● Your goal: Quote exactly the lines running from the line with "building model written" to the end of the entries, including both, and nothing else.

● Input data:
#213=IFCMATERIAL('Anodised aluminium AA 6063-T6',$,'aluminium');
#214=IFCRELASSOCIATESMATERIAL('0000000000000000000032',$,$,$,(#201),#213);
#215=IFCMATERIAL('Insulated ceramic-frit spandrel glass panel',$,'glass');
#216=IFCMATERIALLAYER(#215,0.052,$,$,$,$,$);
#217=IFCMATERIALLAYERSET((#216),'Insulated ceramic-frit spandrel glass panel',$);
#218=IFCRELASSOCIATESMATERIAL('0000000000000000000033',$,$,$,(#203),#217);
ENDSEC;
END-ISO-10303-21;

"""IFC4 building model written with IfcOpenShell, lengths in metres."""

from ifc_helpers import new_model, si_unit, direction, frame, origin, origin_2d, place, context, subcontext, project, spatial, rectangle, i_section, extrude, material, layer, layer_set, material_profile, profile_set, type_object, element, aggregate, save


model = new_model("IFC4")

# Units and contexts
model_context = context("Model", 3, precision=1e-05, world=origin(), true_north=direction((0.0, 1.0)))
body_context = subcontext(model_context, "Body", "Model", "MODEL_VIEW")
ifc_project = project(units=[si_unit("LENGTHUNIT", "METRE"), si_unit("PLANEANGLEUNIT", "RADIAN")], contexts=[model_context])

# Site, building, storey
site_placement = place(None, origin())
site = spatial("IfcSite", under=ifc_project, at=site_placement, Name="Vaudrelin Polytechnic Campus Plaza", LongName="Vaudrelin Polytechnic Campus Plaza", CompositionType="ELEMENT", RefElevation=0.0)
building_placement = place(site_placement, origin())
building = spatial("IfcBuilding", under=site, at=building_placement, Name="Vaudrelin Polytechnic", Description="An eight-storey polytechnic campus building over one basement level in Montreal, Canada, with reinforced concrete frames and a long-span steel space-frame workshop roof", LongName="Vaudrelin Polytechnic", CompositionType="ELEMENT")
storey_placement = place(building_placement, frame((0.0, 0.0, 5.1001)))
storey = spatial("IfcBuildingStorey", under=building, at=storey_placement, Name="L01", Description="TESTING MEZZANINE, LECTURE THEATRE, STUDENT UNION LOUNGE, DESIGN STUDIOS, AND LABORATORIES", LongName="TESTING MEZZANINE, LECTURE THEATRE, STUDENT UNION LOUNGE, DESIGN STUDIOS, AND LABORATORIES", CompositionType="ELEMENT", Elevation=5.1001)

● Answer for this exercise:
"""IFC4 building model written with IfcOpenShell, lengths in metres."""

from ifc_helpers import new_model, si_unit, direction, frame, origin, origin_2d, place, context, subcontext, project, spatial, rectangle, i_section, extrude, material, layer, layer_set, material_profile, profile_set, type_object, element, aggregate, save


model = new_model("IFC4")

# Units and contexts
model_context = context("Model", 3, precision=1e-05, world=origin(), true_north=direction((0.0, 1.0)))
body_context = subcontext(model_context, "Body", "Model", "MODEL_VIEW")
ifc_project = project(units=[si_unit("LENGTHUNIT", "METRE"), si_unit("PLANEANGLEUNIT", "RADIAN")], contexts=[model_context])

# Site, building, storey
site_placement = place(None, origin())
site = spatial("IfcSite", under=ifc_project, at=site_placement, Name="Vaudrelin Polytechnic Campus Plaza", LongName="Vaudrelin Polytechnic Campus Plaza", CompositionType="ELEMENT", RefElevation=0.0)
building_placement = place(site_placement, origin())
building = spatial("IfcBuilding", under=site, at=building_placement, Name="Vaudrelin Polytechnic", Description="An eight-storey polytechnic campus building over one basement level in Montreal, Canada, with reinforced concrete frames and a long-span steel space-frame workshop roof", LongName="Vaudrelin Polytechnic", CompositionType="ELEMENT")
storey_placement = place(building_placement, frame((0.0, 0.0, 5.1001)))
storey = spatial("IfcBuildingStorey", under=building, at=storey_placement, Name="L01", Description="TESTING MEZZANINE, LECTURE THEATRE, STUDENT UNION LOUNGE, DESIGN STUDIOS, AND LABORATORIES", LongName="TESTING MEZZANINE, LECTURE THEATRE, STUDENT UNION LOUNGE, DESIGN STUDIOS, AND LABORATORIES", CompositionType="ELEMENT", Elevation=5.1001)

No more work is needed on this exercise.